> [Work to be completed]
Read the records below and report each line in which "IFCPRODUCTDEFINITIONSHAPE" occurs.

=== Provided material ===

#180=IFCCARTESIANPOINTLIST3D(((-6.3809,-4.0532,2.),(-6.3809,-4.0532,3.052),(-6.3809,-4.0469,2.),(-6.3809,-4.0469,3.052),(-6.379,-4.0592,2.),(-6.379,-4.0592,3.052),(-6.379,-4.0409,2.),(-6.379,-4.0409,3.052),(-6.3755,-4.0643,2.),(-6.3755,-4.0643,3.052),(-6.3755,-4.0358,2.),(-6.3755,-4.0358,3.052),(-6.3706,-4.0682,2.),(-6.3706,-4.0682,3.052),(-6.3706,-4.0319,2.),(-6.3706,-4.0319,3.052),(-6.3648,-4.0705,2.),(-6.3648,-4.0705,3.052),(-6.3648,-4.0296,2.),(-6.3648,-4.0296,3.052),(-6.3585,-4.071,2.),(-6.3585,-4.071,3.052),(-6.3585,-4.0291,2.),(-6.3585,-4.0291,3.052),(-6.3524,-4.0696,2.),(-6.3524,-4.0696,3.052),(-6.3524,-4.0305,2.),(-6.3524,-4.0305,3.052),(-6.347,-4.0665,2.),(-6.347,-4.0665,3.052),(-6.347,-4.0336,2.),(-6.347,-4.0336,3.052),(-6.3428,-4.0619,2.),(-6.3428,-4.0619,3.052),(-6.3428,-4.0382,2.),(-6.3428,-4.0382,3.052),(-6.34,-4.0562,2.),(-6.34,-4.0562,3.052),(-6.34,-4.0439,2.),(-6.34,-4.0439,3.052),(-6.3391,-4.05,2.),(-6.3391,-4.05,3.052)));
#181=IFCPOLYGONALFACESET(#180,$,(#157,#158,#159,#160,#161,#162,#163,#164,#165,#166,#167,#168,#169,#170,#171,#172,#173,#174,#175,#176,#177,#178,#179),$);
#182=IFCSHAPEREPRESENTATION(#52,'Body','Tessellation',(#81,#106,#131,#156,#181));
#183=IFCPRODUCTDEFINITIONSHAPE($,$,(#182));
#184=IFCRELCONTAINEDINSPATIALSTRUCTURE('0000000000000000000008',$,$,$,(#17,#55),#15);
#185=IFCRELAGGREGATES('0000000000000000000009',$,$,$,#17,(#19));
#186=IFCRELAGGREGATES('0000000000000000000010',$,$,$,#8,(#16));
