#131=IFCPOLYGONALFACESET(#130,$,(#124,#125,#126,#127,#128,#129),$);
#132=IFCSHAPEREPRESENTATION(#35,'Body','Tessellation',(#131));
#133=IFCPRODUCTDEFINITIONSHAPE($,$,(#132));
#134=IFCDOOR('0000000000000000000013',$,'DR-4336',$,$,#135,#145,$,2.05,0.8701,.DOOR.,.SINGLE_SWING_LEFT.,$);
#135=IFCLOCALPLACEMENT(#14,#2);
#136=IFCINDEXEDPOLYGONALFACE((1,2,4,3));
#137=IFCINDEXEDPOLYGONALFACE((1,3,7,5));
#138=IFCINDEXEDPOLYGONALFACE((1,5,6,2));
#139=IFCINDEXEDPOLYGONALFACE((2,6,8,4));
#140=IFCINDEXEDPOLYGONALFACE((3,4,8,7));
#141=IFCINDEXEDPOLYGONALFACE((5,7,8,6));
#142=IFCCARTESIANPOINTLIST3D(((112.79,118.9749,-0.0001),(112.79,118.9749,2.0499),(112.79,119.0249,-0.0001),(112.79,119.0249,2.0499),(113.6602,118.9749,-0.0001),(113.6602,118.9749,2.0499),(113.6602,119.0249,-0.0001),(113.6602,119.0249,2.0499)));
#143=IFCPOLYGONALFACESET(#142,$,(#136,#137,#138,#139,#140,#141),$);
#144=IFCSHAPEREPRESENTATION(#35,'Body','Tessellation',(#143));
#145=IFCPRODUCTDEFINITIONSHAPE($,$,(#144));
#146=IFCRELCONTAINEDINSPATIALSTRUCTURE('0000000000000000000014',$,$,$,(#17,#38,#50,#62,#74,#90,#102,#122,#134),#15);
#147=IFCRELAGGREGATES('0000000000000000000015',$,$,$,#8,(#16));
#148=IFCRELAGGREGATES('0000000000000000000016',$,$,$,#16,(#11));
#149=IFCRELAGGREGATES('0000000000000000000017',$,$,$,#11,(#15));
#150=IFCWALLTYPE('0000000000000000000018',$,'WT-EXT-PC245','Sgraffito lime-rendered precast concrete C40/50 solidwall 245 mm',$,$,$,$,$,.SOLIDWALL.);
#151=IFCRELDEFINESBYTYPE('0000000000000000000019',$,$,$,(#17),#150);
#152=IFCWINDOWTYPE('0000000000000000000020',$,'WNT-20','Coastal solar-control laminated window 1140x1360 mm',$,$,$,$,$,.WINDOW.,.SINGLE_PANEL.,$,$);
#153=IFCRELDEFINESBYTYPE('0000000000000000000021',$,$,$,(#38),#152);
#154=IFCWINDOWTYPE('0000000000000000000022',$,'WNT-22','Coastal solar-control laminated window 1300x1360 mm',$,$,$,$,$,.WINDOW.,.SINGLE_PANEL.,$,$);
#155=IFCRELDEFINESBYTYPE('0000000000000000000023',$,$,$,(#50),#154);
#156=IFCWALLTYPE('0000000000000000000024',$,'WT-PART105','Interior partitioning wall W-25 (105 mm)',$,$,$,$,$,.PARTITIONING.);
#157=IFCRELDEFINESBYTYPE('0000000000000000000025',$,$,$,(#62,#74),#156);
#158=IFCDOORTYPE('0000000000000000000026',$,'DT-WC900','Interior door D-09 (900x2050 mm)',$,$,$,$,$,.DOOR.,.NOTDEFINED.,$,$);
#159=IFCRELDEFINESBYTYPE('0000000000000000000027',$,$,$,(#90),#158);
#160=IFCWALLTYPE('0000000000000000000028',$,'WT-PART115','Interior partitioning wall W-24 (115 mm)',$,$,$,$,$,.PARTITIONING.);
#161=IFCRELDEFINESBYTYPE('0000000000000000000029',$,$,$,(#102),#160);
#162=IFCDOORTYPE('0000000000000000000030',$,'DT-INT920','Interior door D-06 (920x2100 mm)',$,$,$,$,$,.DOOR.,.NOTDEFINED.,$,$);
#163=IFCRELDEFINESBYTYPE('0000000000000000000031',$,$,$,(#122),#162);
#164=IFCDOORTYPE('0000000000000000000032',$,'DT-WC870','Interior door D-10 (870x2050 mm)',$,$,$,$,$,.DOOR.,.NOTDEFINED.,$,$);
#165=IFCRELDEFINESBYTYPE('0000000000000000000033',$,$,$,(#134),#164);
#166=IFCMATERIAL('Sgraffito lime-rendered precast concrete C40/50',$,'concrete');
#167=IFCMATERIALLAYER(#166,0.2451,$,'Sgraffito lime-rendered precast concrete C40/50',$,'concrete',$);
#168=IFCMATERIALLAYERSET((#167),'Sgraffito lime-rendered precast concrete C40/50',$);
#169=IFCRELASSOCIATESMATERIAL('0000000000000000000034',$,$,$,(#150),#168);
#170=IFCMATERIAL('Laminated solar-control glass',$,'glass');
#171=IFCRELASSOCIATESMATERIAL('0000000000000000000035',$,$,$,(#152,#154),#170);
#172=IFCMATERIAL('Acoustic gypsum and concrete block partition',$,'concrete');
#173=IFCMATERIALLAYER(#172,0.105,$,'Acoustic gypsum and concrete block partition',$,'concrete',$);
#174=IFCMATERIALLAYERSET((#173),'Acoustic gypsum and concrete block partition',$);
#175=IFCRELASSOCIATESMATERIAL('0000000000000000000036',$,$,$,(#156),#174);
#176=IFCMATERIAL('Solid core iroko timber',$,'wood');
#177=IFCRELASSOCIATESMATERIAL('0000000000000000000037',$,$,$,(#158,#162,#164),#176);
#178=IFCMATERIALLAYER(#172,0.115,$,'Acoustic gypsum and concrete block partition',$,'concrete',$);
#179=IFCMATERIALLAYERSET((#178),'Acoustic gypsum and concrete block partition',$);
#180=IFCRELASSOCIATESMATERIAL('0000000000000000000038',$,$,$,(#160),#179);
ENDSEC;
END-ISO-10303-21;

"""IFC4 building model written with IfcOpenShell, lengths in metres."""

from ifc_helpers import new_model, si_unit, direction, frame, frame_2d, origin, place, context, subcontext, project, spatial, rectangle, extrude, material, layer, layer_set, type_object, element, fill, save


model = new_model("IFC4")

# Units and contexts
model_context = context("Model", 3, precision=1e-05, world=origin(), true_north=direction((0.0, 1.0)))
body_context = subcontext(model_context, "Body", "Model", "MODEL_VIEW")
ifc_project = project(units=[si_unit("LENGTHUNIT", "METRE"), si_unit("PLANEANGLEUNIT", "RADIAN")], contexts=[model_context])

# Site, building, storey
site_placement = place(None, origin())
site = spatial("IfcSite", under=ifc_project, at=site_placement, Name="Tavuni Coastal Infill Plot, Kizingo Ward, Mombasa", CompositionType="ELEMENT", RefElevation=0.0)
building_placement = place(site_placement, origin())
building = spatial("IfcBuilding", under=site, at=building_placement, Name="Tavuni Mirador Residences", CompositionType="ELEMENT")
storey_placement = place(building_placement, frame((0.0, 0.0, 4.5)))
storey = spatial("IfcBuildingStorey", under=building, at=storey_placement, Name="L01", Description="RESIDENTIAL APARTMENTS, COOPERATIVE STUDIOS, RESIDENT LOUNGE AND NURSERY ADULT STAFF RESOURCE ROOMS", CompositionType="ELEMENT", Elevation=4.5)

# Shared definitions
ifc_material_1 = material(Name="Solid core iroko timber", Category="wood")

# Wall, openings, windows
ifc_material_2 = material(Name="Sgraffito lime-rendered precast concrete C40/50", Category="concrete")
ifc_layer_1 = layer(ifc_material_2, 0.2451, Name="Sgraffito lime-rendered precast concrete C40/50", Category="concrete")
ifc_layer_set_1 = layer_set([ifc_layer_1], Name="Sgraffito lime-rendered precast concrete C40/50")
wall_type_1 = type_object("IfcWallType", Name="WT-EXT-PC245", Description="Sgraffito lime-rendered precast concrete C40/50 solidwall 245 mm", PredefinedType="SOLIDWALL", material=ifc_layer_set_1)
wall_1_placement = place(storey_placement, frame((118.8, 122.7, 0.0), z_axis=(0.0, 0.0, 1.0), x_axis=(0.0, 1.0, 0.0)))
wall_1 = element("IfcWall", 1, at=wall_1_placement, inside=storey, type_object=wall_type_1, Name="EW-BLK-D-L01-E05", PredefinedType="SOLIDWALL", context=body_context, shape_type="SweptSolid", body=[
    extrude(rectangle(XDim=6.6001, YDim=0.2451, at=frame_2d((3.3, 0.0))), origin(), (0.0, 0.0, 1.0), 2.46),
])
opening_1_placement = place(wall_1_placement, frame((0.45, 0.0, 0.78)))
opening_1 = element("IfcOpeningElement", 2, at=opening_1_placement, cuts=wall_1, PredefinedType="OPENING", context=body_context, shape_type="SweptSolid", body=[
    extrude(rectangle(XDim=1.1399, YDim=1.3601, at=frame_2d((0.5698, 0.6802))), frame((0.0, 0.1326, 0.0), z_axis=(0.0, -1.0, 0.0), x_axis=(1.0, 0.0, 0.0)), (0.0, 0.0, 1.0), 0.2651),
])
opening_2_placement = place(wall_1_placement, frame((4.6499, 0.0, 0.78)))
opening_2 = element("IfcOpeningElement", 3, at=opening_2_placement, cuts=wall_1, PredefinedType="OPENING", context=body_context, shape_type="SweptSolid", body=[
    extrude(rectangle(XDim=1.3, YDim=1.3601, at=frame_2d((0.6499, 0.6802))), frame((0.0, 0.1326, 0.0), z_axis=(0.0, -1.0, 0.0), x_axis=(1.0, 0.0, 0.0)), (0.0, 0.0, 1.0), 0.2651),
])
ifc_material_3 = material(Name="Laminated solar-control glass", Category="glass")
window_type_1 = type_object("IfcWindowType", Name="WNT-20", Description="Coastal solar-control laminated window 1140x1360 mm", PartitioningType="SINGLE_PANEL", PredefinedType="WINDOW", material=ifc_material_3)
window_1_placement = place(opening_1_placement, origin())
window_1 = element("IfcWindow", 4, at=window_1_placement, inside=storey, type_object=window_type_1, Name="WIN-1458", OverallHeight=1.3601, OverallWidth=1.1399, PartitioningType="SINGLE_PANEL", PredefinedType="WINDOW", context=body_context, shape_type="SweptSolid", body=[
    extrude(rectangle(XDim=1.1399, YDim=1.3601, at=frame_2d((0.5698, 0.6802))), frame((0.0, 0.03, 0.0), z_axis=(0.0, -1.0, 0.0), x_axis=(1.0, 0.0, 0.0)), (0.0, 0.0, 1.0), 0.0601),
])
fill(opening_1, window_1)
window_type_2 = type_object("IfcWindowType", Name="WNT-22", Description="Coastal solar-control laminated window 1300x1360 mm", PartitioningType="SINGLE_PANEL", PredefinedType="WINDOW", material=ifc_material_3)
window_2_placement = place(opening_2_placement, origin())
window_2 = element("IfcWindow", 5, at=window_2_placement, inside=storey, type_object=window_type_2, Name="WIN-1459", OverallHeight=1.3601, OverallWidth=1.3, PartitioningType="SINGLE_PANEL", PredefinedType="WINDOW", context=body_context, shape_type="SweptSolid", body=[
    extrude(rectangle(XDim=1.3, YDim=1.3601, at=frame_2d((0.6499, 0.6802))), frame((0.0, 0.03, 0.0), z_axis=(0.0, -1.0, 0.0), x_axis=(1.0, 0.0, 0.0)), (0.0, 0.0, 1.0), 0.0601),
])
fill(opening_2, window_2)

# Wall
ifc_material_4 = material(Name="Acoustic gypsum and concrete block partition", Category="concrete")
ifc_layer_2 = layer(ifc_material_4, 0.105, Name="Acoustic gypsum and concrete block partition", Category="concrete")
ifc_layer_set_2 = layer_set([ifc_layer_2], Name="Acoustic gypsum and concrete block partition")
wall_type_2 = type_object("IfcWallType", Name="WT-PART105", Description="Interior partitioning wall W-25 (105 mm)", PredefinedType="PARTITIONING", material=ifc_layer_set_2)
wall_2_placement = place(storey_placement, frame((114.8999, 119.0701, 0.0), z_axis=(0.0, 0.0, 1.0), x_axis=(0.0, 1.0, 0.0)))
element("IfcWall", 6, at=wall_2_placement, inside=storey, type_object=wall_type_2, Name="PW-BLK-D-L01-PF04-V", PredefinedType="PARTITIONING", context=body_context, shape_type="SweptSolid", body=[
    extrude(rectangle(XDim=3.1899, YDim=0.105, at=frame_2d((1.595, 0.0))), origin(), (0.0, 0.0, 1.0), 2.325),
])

===

> [Answer area]
#183=IFCPRODUCTDEFINITIONSHAPE($,$,(#182));
#133=IFCPRODUCTDEFINITIONSHAPE($,$,(#132));
#145=IFCPRODUCTDEFINITIONSHAPE($,$,(#144));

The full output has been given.